-- RECORDS FOR THE EXERCISE follows --

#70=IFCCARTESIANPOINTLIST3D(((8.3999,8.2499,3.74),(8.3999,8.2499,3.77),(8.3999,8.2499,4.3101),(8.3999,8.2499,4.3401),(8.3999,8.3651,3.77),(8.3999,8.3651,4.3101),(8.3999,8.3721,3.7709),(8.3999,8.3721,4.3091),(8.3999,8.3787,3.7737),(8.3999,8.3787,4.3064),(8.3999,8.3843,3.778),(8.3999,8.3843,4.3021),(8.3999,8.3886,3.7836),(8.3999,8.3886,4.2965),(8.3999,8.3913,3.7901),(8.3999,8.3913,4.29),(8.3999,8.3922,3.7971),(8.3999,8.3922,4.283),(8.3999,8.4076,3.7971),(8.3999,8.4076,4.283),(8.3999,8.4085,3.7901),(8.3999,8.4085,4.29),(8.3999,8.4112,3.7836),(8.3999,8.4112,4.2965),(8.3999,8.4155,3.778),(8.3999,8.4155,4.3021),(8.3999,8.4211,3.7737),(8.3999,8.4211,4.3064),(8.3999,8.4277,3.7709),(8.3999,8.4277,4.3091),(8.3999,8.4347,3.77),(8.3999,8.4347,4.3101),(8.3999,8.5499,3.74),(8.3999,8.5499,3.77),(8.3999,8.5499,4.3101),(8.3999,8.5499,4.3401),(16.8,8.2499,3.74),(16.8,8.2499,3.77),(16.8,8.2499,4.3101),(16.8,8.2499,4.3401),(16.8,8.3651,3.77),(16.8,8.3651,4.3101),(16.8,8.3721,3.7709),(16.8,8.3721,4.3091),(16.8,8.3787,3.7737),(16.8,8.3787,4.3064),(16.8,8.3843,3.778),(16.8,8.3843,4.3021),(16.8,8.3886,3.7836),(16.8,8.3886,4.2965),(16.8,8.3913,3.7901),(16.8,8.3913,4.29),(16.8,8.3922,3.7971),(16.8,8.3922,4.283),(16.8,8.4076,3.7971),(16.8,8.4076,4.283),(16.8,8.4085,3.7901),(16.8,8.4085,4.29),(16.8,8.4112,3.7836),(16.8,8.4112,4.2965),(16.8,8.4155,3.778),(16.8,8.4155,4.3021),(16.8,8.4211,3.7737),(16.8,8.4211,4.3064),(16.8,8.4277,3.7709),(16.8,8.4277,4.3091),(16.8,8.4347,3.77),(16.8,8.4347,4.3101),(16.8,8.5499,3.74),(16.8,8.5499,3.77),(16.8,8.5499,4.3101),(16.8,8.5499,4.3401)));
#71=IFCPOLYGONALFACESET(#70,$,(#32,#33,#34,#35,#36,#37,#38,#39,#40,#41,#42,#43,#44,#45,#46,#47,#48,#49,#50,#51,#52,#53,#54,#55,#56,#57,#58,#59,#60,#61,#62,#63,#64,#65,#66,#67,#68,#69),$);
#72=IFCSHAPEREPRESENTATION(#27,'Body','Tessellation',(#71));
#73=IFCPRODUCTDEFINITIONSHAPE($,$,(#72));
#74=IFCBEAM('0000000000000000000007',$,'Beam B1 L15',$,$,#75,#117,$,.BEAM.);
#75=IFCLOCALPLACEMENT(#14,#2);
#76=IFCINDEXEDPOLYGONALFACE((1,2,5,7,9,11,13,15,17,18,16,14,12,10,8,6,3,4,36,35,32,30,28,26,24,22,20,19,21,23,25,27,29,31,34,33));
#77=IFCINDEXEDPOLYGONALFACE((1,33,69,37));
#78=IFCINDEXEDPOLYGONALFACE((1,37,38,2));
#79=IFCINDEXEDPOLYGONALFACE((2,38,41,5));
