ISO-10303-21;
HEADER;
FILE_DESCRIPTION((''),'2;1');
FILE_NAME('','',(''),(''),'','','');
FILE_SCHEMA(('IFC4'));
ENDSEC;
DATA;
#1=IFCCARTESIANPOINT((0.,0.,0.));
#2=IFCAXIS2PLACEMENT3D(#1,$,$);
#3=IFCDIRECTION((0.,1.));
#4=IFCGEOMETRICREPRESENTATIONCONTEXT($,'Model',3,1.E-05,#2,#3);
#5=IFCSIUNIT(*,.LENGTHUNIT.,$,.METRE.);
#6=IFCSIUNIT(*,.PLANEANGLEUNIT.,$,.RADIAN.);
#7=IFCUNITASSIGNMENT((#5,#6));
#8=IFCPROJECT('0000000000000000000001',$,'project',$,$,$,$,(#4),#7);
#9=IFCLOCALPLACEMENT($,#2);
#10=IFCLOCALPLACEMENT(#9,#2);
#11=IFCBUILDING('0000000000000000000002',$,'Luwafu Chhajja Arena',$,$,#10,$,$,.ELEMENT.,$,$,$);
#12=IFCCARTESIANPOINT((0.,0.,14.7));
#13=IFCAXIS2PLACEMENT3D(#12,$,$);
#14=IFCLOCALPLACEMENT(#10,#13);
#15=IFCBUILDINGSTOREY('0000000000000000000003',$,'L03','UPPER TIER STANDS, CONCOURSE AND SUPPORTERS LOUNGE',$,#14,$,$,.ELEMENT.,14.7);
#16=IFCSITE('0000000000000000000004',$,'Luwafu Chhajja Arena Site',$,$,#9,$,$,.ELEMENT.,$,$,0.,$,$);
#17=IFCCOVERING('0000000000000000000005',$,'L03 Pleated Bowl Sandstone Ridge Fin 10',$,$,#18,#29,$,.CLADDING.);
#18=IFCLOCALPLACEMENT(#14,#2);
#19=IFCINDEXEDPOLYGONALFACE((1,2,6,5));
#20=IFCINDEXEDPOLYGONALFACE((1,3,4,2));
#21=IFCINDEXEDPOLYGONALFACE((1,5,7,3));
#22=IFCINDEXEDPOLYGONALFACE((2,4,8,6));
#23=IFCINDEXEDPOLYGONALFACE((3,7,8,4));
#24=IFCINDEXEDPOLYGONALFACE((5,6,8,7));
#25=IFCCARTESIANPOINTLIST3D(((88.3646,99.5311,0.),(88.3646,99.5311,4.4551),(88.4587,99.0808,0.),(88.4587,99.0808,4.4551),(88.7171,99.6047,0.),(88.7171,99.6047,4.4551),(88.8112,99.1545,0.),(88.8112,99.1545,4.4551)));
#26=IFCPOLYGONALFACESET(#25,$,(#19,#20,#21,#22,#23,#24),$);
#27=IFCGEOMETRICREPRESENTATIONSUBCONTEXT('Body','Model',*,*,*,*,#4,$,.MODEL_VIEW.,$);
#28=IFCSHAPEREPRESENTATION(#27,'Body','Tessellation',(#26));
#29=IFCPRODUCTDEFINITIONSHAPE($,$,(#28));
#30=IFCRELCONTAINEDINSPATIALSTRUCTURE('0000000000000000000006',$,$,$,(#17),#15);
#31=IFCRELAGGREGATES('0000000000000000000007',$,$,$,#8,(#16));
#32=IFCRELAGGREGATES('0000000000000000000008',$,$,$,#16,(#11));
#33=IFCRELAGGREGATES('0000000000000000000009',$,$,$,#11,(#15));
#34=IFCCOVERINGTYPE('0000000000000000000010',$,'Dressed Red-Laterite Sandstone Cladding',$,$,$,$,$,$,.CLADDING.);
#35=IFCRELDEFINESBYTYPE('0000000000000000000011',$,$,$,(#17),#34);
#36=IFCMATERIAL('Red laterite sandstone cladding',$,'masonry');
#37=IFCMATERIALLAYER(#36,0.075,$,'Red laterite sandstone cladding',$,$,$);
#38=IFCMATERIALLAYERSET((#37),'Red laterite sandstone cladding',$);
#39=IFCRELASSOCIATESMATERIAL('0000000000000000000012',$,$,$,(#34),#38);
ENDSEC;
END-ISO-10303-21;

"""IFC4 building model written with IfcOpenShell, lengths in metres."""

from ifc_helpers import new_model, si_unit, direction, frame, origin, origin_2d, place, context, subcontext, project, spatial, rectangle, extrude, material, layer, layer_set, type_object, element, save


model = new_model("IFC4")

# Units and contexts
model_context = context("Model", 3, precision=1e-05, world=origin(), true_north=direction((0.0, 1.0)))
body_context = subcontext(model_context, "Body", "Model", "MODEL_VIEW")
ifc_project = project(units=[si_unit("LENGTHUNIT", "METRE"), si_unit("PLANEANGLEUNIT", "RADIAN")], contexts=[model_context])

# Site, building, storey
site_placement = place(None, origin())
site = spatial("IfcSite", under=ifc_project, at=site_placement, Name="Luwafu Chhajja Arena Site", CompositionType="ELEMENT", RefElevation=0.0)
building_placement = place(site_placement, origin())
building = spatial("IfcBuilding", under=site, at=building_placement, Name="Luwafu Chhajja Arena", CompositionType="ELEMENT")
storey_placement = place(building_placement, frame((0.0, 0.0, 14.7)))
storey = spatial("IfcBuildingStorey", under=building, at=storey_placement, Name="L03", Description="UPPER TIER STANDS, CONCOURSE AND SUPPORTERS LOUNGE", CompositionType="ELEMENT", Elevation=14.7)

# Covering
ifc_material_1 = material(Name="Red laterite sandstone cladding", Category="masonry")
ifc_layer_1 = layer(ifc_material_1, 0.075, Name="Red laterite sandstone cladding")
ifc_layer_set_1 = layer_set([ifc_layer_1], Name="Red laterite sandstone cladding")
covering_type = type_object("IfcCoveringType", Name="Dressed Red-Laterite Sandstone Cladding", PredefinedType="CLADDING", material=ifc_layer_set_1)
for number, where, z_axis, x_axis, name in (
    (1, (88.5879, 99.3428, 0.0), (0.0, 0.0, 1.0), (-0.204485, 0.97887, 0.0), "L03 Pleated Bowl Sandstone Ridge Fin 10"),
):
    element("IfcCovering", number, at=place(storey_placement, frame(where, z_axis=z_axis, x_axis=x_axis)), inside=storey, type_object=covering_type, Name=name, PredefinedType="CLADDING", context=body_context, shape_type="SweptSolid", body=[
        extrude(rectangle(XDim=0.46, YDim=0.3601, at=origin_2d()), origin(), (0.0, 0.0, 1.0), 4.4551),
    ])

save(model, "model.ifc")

-- RECORDS FOR THE EXERCISE concluded --
-- RECORDS FOR THE EXERCISE follows --

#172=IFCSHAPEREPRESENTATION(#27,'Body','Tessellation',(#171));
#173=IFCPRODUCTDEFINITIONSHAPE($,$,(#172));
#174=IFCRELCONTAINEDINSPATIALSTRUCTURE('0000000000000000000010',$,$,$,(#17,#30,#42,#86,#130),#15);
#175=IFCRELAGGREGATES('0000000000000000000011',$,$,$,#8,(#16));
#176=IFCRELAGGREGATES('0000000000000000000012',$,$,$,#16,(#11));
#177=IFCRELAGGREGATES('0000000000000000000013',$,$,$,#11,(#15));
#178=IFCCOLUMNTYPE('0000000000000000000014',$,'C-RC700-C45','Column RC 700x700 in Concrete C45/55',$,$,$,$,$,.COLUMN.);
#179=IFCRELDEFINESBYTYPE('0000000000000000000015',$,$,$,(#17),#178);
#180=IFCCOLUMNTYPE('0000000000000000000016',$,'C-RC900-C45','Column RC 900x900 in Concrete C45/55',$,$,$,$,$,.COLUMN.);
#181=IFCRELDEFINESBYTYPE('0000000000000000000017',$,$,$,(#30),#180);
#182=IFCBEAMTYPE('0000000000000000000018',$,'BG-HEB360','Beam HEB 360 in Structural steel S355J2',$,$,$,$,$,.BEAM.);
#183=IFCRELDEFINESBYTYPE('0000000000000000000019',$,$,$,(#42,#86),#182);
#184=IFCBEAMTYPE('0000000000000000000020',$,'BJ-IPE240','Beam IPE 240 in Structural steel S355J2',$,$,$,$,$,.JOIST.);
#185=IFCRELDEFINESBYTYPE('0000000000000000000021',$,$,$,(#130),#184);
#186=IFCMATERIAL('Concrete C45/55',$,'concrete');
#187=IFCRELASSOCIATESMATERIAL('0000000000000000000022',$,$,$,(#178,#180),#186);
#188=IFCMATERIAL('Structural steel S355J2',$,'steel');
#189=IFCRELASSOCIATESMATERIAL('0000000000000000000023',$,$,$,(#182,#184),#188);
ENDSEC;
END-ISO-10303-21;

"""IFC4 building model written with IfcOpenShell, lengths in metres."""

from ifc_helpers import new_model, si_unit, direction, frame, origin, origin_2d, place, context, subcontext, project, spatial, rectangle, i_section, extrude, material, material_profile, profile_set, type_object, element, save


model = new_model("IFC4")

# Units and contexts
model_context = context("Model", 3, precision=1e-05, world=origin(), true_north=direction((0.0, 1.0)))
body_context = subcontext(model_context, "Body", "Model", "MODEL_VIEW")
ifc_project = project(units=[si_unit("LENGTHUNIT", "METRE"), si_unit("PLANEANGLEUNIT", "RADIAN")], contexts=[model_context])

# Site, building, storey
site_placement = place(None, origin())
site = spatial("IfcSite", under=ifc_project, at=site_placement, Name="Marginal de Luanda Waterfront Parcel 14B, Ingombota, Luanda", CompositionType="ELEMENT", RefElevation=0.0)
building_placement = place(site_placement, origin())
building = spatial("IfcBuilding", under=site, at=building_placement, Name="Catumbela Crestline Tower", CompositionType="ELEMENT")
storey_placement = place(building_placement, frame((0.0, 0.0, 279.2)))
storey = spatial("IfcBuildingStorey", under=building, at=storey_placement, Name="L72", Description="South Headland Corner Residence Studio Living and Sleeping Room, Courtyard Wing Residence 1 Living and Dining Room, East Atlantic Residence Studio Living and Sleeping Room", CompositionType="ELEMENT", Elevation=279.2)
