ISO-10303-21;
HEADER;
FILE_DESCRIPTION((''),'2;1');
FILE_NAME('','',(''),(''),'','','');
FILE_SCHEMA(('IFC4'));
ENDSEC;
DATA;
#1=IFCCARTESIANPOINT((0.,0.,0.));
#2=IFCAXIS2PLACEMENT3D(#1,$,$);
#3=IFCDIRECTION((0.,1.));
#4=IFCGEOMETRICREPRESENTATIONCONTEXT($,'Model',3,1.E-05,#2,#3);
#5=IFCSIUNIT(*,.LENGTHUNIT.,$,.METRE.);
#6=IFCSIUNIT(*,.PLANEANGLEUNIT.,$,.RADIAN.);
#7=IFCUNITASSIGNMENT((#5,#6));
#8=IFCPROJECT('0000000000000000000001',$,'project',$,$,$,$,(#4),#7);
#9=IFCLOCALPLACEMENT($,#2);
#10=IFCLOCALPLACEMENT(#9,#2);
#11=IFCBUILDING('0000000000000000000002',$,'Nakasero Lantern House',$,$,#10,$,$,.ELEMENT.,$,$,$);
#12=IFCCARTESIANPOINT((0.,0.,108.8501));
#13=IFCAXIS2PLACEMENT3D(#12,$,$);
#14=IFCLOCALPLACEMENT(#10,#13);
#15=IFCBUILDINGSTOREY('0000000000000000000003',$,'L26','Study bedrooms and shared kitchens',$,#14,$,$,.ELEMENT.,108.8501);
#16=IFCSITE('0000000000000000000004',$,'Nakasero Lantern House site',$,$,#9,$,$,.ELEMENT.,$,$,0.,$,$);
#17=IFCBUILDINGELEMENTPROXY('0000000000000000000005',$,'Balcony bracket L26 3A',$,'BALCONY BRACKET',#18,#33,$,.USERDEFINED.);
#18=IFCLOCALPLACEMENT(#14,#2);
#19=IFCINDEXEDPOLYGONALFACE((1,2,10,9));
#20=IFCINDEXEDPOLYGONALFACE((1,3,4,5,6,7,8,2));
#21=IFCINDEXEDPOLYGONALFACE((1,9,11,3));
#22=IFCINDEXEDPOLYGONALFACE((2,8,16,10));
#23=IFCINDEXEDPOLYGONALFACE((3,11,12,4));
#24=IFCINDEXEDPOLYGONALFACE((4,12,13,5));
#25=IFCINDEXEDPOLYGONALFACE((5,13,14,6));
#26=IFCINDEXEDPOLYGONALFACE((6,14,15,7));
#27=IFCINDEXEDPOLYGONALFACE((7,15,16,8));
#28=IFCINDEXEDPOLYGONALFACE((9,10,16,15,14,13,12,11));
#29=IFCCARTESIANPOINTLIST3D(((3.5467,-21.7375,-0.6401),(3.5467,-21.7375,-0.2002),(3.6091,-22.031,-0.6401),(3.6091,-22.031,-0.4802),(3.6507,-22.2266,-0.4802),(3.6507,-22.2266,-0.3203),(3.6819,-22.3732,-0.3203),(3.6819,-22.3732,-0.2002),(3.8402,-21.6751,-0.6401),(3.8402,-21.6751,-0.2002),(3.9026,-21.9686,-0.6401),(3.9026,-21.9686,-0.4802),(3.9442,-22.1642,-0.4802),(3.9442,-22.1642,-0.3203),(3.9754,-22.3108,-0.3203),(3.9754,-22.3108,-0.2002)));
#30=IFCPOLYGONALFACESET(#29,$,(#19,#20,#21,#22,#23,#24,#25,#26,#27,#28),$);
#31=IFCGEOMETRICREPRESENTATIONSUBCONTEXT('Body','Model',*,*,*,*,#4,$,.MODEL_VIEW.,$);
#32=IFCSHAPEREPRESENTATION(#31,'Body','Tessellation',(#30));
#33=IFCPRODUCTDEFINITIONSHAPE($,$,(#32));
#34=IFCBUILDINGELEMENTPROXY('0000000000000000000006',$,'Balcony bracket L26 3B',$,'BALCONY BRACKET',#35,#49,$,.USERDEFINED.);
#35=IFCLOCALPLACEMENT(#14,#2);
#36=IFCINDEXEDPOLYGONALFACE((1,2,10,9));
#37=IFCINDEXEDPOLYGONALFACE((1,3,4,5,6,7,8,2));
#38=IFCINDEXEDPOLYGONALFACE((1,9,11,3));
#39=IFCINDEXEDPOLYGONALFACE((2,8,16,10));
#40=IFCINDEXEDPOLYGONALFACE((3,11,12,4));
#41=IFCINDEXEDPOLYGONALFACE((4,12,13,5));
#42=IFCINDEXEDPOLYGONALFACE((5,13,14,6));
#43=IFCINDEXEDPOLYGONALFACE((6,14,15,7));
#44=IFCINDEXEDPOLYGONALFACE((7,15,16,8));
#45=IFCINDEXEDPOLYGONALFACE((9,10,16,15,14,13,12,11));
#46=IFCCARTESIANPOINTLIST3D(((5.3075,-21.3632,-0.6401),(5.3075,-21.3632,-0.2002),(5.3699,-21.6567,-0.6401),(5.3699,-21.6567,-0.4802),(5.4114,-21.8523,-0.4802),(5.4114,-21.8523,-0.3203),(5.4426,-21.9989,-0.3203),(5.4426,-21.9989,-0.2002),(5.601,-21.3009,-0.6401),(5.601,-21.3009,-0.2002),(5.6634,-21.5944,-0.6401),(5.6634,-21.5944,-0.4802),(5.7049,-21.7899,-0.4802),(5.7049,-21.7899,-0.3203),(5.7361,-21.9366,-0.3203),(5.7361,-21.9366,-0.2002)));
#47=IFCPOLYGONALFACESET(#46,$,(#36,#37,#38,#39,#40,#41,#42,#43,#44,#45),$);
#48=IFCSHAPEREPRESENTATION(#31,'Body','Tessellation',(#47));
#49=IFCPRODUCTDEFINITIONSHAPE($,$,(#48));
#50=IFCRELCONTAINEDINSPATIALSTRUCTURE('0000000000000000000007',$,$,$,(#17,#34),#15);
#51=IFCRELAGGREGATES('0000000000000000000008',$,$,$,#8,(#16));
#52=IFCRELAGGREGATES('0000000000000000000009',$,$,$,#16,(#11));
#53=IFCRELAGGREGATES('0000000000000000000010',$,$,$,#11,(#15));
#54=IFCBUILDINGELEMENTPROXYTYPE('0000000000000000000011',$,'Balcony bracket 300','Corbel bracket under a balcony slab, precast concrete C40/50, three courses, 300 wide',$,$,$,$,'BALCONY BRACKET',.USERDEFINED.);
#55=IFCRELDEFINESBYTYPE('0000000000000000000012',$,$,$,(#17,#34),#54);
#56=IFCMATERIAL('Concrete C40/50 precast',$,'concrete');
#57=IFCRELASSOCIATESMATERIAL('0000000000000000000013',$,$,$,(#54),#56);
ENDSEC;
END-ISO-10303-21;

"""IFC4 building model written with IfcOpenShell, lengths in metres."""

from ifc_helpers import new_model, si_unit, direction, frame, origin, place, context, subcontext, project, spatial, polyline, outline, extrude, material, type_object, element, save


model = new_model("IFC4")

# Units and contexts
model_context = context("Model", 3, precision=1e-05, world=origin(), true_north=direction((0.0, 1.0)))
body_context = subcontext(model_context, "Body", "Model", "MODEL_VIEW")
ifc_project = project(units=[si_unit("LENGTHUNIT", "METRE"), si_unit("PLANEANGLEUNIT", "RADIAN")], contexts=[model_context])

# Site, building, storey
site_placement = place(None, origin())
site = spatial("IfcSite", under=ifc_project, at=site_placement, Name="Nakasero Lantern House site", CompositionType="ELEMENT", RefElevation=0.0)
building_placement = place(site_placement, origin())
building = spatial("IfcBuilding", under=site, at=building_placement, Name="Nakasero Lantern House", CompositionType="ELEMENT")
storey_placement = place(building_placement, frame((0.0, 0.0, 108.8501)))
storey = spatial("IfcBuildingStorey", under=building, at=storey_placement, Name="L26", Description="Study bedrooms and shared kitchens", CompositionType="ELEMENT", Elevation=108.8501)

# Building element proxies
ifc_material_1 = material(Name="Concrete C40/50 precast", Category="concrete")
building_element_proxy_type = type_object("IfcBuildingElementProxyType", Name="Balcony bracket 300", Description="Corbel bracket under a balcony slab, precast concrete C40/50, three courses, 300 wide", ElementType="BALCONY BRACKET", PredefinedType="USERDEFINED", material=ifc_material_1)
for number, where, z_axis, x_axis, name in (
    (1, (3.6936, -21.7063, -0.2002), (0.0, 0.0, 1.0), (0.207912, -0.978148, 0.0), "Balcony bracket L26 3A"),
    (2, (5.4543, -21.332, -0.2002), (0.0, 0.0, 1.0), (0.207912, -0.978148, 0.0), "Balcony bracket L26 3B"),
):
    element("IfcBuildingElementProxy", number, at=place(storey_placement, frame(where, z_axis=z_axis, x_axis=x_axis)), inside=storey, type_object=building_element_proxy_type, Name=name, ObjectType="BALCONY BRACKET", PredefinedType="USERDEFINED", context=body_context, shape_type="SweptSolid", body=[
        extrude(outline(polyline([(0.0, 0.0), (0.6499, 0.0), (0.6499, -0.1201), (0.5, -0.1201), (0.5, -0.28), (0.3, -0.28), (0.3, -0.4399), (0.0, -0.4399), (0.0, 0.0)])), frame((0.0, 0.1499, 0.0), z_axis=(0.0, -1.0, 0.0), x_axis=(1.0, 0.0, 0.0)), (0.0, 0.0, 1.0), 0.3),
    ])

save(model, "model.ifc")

-- RECORDS FOR THE EXERCISE concluded --

▶ _WHAT YOU SHOULD DO_
Go over the data and return every line that includes the word "IFCGEOMETRICREPRESENTATIONSUBCONTEXT".

▶ _SOLVED PROBLEM_
#27=IFCGEOMETRICREPRESENTATIONSUBCONTEXT('Body','Model',*,*,*,*,#4,$,.MODEL_VIEW.,$);
#31=IFCGEOMETRICREPRESENTATIONSUBCONTEXT('Body','Model',*,*,*,*,#4,$,.MODEL_VIEW.,$);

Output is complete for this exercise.